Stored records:
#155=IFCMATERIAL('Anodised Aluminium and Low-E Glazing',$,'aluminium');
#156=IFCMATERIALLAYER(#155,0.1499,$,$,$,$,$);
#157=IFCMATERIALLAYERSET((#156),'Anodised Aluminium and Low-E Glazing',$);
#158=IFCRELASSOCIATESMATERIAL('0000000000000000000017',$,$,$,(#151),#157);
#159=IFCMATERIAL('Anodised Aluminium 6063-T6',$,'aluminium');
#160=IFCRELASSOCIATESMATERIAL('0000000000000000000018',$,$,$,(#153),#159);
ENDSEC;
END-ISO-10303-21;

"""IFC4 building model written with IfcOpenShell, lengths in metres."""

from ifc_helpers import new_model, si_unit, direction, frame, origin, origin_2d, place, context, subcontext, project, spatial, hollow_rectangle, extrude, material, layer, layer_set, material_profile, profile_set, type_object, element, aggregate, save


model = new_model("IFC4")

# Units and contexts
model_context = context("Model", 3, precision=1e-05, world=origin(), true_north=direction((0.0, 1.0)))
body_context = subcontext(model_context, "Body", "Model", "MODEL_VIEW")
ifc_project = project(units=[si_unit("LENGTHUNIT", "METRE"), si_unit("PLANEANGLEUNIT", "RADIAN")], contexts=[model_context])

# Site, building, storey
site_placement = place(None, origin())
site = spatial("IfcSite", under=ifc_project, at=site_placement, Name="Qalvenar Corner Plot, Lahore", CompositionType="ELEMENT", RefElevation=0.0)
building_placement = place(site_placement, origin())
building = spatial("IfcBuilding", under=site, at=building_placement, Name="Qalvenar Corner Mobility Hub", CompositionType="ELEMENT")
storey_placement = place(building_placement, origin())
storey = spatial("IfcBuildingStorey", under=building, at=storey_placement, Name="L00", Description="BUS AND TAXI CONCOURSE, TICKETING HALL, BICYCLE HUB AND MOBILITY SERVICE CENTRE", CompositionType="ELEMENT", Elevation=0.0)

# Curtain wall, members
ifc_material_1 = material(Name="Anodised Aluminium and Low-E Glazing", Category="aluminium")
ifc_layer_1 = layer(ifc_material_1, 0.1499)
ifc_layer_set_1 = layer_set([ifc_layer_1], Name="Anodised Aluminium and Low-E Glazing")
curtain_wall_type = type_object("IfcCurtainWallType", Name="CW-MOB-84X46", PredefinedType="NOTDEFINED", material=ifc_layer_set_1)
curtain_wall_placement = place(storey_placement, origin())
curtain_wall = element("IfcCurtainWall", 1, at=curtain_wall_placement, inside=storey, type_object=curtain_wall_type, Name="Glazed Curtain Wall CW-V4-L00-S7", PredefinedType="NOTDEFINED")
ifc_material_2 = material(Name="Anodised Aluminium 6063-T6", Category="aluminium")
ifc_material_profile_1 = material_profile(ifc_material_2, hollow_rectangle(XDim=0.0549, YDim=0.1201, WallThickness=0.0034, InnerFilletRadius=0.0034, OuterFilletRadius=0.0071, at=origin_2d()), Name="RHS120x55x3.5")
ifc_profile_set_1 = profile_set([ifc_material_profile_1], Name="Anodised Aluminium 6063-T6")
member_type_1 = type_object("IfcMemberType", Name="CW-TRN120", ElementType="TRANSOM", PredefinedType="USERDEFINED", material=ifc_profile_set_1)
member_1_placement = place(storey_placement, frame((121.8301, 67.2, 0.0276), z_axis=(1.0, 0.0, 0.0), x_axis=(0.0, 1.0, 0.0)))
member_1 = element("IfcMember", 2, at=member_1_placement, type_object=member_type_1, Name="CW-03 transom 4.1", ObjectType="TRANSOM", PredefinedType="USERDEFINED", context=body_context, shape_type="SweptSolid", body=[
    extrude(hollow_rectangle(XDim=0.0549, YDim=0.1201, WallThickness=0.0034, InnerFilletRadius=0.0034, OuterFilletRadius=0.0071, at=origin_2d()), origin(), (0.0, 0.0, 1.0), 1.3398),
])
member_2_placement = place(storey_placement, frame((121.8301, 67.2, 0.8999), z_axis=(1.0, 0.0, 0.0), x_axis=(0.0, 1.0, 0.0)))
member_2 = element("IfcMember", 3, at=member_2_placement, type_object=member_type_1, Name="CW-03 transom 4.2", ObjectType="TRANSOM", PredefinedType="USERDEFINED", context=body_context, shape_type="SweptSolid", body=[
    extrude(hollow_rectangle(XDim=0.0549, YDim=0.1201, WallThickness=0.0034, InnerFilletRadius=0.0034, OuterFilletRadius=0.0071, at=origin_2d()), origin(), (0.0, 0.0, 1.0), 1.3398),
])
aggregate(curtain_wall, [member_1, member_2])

==

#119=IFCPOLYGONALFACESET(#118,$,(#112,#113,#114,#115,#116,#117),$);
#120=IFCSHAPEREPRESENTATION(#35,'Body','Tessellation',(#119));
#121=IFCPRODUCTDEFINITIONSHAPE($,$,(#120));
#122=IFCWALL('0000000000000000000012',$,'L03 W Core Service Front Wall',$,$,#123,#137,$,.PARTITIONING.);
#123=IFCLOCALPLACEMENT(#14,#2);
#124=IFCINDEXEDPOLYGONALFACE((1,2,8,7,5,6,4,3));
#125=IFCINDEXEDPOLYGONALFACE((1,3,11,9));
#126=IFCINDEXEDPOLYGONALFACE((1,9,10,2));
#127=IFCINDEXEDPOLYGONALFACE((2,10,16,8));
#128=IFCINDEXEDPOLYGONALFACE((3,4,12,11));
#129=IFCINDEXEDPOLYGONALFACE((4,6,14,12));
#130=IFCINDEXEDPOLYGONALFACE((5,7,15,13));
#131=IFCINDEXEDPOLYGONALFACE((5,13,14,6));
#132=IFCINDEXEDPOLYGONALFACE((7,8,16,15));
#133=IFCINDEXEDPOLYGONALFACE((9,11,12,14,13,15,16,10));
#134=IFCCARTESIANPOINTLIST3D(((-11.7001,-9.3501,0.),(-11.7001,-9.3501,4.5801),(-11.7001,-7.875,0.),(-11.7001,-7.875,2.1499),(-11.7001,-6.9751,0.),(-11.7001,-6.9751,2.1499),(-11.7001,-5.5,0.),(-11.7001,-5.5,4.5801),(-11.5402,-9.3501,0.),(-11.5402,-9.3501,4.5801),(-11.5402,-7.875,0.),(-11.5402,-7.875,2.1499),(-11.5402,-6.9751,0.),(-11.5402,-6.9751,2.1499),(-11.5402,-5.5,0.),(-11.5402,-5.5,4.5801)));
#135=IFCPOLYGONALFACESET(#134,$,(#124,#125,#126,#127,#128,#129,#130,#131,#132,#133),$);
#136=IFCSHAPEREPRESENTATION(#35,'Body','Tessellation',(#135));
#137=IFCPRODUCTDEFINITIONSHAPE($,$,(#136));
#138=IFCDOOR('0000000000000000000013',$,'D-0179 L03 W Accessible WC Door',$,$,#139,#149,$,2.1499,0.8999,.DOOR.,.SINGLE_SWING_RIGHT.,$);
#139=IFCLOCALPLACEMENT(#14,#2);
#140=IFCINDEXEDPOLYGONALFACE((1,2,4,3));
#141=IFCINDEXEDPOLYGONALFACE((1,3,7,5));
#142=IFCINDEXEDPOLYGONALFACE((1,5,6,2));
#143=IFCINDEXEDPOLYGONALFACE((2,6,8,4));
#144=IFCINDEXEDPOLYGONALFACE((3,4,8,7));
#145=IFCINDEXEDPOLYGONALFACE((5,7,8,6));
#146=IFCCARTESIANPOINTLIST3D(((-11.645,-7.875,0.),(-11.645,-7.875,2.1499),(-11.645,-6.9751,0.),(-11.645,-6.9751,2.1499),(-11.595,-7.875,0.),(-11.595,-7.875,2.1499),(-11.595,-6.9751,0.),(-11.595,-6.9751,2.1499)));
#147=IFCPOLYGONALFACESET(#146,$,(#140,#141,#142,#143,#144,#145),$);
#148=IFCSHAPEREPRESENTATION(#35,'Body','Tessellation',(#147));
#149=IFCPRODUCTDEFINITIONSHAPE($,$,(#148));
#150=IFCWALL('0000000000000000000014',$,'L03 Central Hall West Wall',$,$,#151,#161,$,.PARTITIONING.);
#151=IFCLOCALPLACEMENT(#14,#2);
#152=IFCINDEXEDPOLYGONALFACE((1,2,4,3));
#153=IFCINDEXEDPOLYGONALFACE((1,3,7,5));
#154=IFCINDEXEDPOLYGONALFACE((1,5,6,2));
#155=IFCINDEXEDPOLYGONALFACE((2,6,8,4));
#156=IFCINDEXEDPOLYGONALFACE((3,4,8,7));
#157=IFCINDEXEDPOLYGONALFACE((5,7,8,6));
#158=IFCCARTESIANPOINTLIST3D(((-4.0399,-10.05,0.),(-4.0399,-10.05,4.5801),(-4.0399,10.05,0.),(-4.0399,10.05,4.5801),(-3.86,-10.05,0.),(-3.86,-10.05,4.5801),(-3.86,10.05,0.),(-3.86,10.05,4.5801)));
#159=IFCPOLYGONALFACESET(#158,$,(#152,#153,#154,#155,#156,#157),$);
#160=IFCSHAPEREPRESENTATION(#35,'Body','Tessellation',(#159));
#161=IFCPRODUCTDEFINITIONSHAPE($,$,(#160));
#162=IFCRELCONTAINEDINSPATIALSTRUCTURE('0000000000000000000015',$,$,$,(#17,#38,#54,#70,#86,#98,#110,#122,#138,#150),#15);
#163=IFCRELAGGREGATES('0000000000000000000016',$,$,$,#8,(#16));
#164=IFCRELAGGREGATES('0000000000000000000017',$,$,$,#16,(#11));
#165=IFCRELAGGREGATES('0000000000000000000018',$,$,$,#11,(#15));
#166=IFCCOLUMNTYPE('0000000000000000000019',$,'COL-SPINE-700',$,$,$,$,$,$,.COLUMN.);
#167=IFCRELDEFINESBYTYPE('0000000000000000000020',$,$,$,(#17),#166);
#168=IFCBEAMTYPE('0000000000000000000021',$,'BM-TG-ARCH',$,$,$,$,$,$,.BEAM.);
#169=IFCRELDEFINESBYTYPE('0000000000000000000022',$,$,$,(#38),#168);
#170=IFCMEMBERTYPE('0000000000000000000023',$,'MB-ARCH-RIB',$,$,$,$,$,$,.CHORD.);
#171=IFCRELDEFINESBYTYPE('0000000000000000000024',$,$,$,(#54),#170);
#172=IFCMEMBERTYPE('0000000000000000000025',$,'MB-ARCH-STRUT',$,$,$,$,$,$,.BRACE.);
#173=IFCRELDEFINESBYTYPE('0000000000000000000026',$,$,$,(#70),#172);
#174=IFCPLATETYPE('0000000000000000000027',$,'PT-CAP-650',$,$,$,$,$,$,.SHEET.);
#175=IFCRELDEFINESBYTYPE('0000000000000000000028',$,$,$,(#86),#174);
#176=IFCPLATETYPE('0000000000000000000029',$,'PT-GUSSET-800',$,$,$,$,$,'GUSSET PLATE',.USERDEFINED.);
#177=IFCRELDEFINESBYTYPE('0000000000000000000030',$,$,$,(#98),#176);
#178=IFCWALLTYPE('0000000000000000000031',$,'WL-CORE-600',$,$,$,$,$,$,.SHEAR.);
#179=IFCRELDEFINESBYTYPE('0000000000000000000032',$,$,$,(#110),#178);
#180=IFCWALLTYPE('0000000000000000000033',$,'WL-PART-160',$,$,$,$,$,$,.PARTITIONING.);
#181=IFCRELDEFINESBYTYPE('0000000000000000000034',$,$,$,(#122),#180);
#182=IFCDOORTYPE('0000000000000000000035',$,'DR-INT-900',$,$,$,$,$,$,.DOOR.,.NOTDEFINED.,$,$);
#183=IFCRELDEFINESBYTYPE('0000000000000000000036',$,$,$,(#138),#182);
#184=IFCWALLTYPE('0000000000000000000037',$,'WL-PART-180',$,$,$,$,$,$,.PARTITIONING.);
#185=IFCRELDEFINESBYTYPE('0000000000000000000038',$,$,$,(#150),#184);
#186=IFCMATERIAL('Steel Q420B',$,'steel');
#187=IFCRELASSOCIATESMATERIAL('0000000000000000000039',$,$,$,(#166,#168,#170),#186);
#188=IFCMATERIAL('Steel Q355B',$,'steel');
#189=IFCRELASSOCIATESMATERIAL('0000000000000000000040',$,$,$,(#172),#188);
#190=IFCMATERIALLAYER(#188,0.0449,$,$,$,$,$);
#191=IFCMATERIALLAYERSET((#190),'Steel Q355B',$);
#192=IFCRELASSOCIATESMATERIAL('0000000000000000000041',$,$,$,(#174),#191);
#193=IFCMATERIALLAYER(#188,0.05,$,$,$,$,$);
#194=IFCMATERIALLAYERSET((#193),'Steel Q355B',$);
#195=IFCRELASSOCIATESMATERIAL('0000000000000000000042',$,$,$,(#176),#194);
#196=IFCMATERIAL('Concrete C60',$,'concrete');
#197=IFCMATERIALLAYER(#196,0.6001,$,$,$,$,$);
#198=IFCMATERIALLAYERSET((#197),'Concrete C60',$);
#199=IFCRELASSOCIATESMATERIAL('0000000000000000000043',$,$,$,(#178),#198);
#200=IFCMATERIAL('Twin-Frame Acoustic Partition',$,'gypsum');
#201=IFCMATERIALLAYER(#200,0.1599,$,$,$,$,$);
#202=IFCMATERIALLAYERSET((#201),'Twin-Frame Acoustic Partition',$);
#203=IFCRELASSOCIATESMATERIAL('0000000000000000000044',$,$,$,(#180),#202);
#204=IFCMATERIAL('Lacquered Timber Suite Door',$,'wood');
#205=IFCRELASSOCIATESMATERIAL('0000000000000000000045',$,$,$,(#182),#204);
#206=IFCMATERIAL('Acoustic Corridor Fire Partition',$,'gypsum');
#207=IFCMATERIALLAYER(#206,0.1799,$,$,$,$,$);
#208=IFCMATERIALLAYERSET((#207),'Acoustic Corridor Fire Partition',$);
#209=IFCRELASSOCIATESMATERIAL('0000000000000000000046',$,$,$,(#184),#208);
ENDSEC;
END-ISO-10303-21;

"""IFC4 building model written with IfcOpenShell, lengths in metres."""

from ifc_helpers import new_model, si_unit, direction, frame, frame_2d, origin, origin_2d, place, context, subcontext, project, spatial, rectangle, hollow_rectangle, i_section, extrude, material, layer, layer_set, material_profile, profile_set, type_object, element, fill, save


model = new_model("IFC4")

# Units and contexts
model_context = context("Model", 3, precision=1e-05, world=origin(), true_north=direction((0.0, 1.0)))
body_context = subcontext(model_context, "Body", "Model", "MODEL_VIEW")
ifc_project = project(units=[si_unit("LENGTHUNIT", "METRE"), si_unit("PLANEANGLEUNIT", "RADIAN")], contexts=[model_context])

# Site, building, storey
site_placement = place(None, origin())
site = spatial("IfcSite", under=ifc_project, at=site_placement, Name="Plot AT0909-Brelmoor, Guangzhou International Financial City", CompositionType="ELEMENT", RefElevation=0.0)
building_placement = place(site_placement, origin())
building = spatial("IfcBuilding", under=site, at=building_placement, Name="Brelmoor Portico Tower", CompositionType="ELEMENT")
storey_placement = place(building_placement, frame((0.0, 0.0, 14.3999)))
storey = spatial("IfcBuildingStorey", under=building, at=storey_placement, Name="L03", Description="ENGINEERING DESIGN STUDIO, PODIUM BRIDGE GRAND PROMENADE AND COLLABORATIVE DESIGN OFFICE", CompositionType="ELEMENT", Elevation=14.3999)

==

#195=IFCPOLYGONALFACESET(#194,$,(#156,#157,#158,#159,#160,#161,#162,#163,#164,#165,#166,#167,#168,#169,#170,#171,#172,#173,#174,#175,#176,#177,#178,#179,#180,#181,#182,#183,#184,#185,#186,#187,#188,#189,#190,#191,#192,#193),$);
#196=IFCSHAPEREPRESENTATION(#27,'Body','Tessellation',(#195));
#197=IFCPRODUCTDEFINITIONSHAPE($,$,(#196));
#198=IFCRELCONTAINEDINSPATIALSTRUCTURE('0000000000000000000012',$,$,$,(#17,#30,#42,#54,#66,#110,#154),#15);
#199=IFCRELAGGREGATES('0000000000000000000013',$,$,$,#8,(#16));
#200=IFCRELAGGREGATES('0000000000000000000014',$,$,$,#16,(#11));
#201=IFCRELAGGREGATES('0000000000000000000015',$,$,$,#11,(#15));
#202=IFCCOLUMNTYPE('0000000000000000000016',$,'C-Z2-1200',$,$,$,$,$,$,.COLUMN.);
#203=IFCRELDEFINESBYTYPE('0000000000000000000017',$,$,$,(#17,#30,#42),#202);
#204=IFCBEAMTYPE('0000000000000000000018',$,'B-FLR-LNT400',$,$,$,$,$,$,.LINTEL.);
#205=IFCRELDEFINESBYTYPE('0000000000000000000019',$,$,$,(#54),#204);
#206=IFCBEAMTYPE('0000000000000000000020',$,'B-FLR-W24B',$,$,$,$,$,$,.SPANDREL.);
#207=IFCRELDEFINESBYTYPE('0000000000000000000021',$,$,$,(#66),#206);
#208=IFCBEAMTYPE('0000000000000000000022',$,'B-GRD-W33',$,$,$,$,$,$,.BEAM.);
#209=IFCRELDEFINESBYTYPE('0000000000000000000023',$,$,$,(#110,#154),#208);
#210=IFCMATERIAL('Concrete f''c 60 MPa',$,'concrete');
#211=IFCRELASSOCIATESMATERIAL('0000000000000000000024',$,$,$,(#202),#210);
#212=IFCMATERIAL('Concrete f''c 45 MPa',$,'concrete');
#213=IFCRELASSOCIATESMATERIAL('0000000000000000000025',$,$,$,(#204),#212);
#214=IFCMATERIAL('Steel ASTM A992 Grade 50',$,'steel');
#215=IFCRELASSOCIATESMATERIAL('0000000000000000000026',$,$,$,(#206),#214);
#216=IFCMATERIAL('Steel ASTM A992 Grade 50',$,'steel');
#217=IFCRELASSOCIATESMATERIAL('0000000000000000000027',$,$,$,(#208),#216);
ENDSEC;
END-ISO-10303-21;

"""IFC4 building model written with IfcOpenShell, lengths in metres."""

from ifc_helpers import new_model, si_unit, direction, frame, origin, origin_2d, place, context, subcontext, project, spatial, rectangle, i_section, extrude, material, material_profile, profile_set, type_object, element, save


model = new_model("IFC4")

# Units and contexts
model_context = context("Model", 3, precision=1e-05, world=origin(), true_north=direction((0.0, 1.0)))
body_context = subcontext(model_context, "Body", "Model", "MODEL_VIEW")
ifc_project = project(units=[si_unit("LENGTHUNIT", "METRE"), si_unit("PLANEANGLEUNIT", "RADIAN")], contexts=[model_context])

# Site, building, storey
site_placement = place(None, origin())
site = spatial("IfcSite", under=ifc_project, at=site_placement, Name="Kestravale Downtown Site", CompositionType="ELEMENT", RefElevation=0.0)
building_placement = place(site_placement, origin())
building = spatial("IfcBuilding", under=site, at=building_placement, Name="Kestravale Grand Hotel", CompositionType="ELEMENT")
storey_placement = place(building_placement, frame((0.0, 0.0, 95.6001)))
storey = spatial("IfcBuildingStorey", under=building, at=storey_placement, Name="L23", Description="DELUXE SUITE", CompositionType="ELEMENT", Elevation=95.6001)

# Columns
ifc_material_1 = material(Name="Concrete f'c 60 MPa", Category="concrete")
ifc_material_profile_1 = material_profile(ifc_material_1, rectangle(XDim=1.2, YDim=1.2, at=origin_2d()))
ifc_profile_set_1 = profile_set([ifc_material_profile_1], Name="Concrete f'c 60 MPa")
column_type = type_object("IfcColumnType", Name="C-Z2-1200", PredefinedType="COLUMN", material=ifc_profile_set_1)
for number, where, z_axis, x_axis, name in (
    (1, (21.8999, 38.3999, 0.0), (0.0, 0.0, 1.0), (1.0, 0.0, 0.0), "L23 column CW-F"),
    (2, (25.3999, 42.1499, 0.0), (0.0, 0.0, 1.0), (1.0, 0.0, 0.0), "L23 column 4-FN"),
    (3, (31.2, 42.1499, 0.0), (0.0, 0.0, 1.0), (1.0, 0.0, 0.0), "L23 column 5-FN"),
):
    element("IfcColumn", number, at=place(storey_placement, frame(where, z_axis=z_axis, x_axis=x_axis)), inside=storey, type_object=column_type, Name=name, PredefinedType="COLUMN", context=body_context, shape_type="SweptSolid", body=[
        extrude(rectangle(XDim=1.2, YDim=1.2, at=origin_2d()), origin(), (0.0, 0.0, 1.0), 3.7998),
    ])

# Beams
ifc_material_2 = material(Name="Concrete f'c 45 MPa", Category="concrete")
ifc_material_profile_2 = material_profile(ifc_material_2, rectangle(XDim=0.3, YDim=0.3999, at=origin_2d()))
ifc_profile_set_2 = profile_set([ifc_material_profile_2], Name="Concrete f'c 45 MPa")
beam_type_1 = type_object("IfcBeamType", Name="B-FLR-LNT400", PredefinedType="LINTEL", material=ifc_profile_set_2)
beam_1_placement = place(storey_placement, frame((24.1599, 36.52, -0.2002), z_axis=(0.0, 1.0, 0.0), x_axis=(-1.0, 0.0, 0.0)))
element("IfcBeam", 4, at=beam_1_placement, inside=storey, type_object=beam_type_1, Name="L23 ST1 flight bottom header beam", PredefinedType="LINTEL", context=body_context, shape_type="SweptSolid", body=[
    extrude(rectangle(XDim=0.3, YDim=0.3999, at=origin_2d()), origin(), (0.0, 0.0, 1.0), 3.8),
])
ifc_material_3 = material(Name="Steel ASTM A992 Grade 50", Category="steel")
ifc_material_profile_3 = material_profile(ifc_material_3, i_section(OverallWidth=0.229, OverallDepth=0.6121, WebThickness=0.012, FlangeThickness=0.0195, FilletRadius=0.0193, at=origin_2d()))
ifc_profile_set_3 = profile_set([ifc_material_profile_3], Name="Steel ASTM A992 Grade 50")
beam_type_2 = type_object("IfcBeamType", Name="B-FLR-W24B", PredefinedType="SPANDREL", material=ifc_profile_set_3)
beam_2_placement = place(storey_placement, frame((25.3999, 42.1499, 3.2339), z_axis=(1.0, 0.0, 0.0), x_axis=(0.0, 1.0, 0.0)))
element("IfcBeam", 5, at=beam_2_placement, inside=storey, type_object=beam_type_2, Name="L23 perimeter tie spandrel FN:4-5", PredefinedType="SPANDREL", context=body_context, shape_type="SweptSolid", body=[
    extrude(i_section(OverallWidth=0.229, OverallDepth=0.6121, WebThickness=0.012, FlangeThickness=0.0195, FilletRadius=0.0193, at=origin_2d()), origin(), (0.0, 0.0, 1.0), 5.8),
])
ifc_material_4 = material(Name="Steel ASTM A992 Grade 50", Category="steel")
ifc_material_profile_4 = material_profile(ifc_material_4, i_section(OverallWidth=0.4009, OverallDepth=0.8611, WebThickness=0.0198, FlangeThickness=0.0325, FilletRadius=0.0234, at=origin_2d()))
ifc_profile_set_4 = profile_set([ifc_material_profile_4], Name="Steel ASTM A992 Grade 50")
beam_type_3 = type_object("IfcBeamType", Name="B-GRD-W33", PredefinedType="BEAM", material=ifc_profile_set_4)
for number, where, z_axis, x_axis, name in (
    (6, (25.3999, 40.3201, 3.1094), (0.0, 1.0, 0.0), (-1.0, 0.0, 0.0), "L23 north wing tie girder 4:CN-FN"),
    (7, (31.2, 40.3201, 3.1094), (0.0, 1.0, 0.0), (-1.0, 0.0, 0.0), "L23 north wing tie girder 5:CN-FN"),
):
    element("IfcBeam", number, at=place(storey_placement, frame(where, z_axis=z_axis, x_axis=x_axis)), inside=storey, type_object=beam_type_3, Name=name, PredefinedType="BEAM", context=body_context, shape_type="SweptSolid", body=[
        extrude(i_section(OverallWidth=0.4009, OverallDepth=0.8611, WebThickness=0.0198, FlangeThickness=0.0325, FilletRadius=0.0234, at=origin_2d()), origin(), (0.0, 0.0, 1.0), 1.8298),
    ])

DESCRIPTION OF THE TASK: State how many lines of the entries above include the word "IFCPOLYGONALFACESET", offering no text other than the number.

EXPECTED ANSWER: 5